*Exercise objective*
When you find the line with "#182=IFCPRODUCTDEFINITIONSHAPE($,$,(#181));" among the records below, reproduce it and each line after it exactly, ending with the line with "#188=IFCINDEXEDPOLYGONALFACE((2,6,8,4));".

*Material for this task*
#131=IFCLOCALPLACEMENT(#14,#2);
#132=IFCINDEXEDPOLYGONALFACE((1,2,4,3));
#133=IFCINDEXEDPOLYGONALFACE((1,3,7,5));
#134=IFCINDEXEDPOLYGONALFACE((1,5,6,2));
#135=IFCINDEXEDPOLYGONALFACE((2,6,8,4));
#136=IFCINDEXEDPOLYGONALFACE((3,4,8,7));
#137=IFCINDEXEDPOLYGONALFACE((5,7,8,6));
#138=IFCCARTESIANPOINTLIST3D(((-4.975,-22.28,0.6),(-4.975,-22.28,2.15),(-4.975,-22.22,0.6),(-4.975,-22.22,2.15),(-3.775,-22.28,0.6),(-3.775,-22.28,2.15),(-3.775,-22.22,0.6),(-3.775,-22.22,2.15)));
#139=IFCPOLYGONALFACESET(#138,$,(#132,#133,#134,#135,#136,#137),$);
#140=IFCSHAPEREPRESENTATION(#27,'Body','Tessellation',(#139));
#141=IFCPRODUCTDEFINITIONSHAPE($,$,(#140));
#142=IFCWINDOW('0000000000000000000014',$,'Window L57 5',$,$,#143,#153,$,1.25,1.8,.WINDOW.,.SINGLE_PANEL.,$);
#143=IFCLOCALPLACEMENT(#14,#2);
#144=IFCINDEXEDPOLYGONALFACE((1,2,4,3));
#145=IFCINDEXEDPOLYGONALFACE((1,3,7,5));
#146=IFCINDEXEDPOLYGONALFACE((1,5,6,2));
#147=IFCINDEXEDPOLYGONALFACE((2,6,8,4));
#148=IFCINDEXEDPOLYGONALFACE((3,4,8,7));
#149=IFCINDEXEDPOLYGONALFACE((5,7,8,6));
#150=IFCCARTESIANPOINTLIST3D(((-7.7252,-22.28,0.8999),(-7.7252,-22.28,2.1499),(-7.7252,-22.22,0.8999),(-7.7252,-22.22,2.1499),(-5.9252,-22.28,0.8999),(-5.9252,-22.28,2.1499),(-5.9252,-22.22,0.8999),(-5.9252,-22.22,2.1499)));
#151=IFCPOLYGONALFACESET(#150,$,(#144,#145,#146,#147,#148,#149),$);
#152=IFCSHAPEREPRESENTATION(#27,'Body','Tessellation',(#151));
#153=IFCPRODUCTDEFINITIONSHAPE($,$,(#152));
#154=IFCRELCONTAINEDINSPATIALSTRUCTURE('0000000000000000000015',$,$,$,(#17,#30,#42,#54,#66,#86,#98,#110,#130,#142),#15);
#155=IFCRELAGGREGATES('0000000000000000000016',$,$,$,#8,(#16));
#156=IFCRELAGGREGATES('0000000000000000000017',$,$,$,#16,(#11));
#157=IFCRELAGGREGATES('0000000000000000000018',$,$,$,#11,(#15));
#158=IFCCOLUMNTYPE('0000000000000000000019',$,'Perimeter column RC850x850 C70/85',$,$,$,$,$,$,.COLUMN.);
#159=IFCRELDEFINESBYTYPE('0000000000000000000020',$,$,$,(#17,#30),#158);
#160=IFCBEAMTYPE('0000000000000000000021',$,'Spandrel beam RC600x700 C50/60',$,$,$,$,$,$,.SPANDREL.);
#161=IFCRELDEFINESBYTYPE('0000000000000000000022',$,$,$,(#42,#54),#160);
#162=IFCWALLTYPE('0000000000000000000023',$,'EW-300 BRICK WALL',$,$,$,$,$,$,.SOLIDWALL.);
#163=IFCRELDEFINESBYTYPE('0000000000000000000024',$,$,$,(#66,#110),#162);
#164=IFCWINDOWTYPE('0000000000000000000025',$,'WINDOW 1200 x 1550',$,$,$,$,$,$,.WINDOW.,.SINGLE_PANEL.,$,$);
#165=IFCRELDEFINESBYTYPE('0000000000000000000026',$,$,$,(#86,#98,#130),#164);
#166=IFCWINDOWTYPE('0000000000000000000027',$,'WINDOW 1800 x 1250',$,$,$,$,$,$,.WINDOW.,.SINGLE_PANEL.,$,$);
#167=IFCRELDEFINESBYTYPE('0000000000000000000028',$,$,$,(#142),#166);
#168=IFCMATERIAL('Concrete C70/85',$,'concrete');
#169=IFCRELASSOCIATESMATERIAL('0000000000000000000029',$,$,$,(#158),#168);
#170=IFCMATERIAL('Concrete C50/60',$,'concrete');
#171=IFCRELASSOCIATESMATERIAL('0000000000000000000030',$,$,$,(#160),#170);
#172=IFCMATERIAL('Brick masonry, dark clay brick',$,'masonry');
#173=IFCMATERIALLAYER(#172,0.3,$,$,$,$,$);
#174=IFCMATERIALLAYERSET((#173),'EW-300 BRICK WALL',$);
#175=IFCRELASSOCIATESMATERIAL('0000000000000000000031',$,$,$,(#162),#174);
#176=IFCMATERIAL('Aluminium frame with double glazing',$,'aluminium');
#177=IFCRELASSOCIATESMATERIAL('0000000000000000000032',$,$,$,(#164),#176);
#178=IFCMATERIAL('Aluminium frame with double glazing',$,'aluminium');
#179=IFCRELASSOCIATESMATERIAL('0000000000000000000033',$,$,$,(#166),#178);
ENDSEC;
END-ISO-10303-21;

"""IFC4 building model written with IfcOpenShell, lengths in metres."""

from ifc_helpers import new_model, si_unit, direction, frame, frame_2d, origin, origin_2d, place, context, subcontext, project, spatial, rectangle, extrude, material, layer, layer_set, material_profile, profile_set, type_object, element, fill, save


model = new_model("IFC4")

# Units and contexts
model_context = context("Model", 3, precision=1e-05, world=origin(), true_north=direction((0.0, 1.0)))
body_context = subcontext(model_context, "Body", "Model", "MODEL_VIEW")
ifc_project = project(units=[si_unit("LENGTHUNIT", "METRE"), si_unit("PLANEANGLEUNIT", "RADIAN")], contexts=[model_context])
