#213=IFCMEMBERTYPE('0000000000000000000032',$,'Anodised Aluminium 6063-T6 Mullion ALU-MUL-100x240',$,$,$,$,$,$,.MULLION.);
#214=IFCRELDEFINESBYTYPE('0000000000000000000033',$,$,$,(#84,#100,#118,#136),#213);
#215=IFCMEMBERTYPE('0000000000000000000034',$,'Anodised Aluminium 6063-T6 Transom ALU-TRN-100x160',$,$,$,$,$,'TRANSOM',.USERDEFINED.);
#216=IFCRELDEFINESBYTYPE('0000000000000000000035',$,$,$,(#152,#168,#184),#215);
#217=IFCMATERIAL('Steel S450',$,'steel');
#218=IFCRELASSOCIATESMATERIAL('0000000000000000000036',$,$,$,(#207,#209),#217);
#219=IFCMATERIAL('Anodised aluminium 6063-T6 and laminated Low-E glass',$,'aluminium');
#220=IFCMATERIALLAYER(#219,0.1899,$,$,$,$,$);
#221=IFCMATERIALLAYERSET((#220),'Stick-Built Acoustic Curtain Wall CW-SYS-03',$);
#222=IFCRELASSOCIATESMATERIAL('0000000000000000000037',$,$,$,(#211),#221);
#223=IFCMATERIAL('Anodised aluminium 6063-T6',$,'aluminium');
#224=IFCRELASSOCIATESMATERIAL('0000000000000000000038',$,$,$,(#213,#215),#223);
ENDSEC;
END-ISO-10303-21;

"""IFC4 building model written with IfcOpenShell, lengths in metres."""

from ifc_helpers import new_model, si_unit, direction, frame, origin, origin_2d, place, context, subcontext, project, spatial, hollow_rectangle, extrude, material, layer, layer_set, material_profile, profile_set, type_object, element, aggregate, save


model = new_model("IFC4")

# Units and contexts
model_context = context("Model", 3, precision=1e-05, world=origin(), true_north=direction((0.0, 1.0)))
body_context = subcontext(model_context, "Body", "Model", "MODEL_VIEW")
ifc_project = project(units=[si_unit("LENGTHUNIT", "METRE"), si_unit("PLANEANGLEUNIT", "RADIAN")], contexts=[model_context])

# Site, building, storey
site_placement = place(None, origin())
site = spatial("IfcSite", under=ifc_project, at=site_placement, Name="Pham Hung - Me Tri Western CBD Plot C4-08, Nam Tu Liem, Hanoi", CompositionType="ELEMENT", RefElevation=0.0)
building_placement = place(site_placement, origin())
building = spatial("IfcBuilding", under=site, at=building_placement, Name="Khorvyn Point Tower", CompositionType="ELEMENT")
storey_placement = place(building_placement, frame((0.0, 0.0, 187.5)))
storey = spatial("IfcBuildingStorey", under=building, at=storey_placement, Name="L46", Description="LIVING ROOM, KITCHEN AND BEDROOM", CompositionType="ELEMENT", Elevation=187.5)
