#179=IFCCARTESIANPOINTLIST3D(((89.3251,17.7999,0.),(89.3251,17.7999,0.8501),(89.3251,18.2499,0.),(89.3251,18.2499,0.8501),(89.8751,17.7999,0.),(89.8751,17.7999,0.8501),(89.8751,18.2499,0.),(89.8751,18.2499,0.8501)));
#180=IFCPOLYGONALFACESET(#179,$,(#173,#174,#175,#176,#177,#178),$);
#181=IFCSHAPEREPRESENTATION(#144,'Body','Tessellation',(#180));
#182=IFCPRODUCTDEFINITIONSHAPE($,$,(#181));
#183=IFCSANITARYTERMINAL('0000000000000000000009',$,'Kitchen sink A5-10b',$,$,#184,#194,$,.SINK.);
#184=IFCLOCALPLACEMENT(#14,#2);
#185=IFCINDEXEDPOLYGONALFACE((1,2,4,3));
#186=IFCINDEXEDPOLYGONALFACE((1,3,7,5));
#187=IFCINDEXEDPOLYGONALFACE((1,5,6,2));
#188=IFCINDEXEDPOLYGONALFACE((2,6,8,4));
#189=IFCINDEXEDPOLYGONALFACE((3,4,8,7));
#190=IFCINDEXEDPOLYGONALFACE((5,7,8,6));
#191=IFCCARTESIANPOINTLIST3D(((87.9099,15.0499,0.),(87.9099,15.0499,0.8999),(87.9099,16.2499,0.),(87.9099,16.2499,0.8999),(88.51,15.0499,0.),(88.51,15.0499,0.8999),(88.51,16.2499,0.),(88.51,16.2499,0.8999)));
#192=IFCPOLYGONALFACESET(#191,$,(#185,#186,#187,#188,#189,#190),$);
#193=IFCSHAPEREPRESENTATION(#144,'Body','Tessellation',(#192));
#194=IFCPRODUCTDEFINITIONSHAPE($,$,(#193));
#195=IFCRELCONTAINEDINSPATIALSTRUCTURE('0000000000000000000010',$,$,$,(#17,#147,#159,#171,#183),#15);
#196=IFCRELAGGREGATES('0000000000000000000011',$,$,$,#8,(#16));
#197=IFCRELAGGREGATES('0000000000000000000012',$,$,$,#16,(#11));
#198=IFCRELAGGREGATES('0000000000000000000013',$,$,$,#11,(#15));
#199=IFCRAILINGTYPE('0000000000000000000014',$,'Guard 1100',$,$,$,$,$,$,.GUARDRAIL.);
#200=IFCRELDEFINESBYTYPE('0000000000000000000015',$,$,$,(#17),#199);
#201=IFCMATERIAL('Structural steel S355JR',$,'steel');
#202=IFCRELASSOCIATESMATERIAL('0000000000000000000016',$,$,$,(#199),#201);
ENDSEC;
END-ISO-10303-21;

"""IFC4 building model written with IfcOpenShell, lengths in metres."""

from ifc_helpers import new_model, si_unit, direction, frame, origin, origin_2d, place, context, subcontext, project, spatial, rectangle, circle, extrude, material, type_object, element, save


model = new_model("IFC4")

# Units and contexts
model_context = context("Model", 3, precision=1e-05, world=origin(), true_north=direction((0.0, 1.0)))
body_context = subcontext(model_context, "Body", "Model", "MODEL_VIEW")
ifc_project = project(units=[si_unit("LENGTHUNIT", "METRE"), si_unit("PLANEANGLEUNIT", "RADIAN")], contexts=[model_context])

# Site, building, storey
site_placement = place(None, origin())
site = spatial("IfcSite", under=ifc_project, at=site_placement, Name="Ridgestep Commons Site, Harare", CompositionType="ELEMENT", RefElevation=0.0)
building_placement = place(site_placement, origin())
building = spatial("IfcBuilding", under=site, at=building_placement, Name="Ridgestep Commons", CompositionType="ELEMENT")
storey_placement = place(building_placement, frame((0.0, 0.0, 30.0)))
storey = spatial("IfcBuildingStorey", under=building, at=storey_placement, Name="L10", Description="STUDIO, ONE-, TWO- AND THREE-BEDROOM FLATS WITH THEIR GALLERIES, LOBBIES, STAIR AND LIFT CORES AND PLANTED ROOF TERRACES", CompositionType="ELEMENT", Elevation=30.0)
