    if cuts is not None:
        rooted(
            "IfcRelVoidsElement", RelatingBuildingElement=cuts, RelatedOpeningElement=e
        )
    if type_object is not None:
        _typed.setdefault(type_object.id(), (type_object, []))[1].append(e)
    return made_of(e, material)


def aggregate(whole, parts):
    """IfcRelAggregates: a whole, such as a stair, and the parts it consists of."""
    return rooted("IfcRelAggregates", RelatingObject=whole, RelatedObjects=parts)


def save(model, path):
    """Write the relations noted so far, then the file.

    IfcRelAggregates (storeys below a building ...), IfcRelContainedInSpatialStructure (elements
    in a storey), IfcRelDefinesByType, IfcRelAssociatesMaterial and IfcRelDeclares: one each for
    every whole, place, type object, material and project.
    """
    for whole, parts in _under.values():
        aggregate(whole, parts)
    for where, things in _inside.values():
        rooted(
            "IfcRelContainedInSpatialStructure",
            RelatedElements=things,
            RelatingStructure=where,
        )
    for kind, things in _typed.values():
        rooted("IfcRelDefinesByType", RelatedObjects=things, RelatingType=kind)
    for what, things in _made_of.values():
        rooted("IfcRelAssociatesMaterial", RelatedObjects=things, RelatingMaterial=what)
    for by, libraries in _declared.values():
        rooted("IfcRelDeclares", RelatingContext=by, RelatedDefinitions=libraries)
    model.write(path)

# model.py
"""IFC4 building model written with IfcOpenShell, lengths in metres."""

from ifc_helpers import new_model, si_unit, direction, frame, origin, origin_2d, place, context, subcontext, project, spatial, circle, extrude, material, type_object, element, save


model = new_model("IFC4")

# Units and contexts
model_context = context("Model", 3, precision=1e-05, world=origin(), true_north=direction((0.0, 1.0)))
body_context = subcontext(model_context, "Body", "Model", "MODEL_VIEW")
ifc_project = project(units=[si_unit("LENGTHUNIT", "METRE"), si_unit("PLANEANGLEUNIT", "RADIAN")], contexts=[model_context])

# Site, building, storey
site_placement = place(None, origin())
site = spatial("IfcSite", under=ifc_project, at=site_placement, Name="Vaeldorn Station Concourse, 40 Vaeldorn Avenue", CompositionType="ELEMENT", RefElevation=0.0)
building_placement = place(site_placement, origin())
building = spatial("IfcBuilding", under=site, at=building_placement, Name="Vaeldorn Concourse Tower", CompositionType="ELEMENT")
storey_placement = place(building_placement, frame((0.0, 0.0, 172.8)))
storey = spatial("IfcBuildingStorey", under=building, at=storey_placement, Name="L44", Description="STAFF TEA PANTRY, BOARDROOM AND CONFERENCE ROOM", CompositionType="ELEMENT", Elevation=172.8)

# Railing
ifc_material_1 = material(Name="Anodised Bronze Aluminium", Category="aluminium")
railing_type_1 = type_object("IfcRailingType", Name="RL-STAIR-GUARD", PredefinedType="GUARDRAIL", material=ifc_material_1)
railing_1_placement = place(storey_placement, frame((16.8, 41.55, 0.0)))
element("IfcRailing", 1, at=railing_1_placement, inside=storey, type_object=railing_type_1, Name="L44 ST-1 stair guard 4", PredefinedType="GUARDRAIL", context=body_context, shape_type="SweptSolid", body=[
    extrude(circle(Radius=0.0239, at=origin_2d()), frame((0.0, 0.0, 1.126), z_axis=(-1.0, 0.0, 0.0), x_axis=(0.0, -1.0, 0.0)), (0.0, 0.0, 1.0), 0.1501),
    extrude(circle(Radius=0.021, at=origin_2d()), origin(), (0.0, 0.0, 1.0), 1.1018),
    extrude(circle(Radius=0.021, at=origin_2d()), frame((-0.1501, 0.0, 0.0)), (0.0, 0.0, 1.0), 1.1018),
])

*Result for this exercise*
#182=IFCPRODUCTDEFINITIONSHAPE($,$,(#181));
#183=IFCSANITARYTERMINAL('0000000000000000000009',$,'Kitchen sink A5-10b',$,$,#184,#194,$,.SINK.);
#184=IFCLOCALPLACEMENT(#14,#2);
#185=IFCINDEXEDPOLYGONALFACE((1,2,4,3));
#186=IFCINDEXEDPOLYGONALFACE((1,3,7,5));
#187=IFCINDEXEDPOLYGONALFACE((1,5,6,2));
#188=IFCINDEXEDPOLYGONALFACE((2,6,8,4));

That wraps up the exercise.